(Records supplied begins)
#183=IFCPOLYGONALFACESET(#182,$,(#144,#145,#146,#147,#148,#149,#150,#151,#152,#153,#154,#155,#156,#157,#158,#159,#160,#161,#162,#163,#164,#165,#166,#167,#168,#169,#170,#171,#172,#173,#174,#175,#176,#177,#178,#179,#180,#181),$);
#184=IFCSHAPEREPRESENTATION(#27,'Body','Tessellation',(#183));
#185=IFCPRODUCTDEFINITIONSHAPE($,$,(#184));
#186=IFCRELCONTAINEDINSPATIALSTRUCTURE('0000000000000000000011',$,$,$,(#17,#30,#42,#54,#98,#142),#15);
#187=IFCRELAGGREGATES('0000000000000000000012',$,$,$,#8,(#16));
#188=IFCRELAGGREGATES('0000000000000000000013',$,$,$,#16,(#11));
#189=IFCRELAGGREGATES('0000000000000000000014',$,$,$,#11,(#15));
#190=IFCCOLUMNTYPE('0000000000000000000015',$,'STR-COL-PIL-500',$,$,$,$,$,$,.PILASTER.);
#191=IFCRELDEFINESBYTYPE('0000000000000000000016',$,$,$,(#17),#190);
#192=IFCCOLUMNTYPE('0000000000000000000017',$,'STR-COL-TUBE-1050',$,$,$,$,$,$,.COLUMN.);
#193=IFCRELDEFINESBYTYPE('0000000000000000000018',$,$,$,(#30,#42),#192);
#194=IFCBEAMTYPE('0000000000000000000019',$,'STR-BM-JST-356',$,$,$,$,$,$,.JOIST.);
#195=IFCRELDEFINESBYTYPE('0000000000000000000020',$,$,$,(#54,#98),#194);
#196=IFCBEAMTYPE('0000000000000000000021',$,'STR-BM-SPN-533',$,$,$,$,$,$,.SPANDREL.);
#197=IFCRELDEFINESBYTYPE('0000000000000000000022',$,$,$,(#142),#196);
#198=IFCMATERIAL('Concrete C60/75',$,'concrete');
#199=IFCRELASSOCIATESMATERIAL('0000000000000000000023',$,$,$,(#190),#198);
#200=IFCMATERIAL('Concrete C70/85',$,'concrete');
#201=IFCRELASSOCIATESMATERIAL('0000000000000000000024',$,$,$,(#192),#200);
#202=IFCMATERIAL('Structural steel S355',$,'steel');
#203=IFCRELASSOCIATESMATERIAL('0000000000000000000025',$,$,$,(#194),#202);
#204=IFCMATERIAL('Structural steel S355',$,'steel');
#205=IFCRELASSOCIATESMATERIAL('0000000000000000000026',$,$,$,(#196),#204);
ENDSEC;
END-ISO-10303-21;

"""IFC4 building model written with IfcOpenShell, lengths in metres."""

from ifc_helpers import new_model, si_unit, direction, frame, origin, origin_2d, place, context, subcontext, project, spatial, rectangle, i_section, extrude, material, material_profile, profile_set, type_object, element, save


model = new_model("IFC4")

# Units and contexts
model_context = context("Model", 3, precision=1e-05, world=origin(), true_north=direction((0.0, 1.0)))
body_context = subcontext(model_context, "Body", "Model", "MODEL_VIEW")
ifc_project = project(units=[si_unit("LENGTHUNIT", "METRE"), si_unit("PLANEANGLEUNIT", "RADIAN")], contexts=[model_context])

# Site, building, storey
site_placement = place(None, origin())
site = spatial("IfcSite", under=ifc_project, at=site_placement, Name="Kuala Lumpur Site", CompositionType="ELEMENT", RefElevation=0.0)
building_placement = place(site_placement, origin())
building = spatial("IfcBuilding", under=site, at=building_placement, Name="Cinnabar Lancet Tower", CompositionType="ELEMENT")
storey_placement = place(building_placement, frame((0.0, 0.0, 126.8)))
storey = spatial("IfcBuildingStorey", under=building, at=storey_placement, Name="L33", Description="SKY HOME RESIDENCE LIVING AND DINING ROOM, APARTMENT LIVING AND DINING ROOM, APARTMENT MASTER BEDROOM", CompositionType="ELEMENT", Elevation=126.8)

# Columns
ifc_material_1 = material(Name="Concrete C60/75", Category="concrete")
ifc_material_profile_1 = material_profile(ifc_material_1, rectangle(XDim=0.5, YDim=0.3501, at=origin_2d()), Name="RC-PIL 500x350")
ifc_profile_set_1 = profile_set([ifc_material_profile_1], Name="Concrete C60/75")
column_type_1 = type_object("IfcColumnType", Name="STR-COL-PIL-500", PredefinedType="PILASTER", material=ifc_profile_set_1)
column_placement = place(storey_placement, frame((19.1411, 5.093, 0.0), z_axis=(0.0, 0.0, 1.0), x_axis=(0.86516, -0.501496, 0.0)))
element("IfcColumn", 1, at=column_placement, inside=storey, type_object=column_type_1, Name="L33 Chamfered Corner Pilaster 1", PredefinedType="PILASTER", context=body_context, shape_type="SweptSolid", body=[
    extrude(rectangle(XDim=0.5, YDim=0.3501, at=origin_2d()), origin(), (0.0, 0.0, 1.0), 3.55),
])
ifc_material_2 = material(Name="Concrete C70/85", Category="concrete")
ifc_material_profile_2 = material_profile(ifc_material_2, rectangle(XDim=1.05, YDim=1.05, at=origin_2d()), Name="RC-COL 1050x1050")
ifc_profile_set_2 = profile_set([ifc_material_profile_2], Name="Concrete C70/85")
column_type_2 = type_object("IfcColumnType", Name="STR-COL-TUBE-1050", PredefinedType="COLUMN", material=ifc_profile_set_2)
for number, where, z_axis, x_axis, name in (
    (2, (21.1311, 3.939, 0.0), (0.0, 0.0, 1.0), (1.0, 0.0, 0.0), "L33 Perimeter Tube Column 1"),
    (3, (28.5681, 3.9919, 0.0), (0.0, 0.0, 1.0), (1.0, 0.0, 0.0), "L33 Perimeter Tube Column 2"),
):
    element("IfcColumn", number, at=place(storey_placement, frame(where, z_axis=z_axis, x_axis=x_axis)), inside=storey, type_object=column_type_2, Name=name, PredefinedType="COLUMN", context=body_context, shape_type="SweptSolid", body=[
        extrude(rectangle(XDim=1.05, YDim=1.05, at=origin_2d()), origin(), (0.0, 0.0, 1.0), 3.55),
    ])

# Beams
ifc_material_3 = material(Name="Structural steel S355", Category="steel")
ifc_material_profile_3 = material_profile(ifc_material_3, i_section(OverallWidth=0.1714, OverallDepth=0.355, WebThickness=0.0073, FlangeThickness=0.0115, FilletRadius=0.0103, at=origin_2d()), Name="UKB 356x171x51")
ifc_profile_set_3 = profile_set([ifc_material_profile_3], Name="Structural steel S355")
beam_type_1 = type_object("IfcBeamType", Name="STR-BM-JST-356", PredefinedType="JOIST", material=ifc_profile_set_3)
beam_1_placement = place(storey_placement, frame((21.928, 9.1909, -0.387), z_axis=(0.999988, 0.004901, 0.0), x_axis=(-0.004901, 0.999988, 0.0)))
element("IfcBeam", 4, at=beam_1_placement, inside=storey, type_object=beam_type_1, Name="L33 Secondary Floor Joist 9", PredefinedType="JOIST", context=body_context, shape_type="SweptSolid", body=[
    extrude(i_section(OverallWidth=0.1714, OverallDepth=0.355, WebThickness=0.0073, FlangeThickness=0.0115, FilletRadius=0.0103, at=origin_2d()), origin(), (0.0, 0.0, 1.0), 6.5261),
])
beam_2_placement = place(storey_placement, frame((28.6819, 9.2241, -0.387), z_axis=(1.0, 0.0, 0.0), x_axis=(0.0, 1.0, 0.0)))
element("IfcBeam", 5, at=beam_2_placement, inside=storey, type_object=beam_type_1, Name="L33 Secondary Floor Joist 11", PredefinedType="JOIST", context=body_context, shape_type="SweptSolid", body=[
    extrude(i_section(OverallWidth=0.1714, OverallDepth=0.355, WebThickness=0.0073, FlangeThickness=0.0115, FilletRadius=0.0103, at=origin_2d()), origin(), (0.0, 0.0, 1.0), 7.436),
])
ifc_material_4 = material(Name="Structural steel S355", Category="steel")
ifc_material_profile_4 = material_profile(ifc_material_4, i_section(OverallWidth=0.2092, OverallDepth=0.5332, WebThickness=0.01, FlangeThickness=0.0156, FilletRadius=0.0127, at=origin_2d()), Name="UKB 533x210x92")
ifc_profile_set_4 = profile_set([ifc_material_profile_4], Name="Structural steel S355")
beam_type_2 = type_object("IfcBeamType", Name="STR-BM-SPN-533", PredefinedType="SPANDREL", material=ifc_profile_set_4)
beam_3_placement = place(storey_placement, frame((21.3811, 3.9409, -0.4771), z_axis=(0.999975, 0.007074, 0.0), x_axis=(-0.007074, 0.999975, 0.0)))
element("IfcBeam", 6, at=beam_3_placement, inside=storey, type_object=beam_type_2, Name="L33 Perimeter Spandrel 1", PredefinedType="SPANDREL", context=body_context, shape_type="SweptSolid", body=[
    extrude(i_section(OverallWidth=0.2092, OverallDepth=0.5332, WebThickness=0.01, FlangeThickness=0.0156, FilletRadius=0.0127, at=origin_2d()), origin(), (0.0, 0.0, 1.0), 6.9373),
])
(Records supplied ends)
#### [Assigned task]
For every line in the data above that has the string "contexts", return that line.

#### [Reply to the exercise]
# Units and contexts
ifc_project = project(units=[si_unit("LENGTHUNIT", "METRE"), si_unit("PLANEANGLEUNIT", "RADIAN")], contexts=[model_context])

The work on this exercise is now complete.